MATERIAL SUPPLIED |
-- Opening Marker --

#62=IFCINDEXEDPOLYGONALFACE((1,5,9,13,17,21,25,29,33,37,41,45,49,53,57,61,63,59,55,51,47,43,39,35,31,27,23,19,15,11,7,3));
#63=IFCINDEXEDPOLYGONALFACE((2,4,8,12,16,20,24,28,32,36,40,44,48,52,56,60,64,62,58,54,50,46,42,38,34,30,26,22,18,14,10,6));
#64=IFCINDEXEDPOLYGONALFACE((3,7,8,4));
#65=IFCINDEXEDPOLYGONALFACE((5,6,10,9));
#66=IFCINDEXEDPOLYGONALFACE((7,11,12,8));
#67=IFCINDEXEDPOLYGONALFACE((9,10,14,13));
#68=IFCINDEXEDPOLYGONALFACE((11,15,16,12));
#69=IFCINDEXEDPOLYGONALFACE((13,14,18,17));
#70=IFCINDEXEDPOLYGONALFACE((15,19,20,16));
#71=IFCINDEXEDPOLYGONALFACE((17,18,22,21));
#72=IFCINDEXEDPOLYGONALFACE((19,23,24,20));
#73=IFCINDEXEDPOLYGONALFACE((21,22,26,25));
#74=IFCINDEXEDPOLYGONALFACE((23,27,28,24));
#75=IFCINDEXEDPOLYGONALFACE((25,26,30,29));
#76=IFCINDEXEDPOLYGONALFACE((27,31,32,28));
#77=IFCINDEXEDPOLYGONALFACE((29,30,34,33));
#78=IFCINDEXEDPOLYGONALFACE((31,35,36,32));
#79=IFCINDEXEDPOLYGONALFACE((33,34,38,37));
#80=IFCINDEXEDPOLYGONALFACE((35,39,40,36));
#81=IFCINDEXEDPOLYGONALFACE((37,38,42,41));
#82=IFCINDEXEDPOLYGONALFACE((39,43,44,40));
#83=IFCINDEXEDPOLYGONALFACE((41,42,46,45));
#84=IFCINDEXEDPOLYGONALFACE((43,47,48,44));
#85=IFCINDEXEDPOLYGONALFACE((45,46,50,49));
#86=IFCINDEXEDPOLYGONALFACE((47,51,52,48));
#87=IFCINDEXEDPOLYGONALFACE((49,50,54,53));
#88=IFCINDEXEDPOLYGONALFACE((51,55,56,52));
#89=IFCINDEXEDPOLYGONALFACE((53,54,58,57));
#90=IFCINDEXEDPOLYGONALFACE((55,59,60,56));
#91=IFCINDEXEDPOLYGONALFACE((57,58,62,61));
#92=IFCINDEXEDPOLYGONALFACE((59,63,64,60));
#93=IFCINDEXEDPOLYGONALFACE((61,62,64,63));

-- Closing Marker --

ASSIGNMENT |
Exactly as written, please reproduce the lines from the first line of the data to the line containing "#90=IFCINDEXEDPOLYGONALFACE((55,59,60,56));", inclusive, and nothing else.

EXPECTED ANSWER |
#62=IFCINDEXEDPOLYGONALFACE((1,5,9,13,17,21,25,29,33,37,41,45,49,53,57,61,63,59,55,51,47,43,39,35,31,27,23,19,15,11,7,3));
#63=IFCINDEXEDPOLYGONALFACE((2,4,8,12,16,20,24,28,32,36,40,44,48,52,56,60,64,62,58,54,50,46,42,38,34,30,26,22,18,14,10,6));
#64=IFCINDEXEDPOLYGONALFACE((3,7,8,4));
#65=IFCINDEXEDPOLYGONALFACE((5,6,10,9));
#66=IFCINDEXEDPOLYGONALFACE((7,11,12,8));
#67=IFCINDEXEDPOLYGONALFACE((9,10,14,13));
#68=IFCINDEXEDPOLYGONALFACE((11,15,16,12));
#69=IFCINDEXEDPOLYGONALFACE((13,14,18,17));
#70=IFCINDEXEDPOLYGONALFACE((15,19,20,16));
#71=IFCINDEXEDPOLYGONALFACE((17,18,22,21));
#72=IFCINDEXEDPOLYGONALFACE((19,23,24,20));
#73=IFCINDEXEDPOLYGONALFACE((21,22,26,25));
#74=IFCINDEXEDPOLYGONALFACE((23,27,28,24));
#75=IFCINDEXEDPOLYGONALFACE((25,26,30,29));
#76=IFCINDEXEDPOLYGONALFACE((27,31,32,28));
#77=IFCINDEXEDPOLYGONALFACE((29,30,34,33));
#78=IFCINDEXEDPOLYGONALFACE((31,35,36,32));
#79=IFCINDEXEDPOLYGONALFACE((33,34,38,37));
#80=IFCINDEXEDPOLYGONALFACE((35,39,40,36));
#81=IFCINDEXEDPOLYGONALFACE((37,38,42,41));
#82=IFCINDEXEDPOLYGONALFACE((39,43,44,40));
#83=IFCINDEXEDPOLYGONALFACE((41,42,46,45));
#84=IFCINDEXEDPOLYGONALFACE((43,47,48,44));
#85=IFCINDEXEDPOLYGONALFACE((45,46,50,49));
#86=IFCINDEXEDPOLYGONALFACE((47,51,52,48));
#87=IFCINDEXEDPOLYGONALFACE((49,50,54,53));
#88=IFCINDEXEDPOLYGONALFACE((51,55,56,52));
#89=IFCINDEXEDPOLYGONALFACE((53,54,58,57));
#90=IFCINDEXEDPOLYGONALFACE((55,59,60,56));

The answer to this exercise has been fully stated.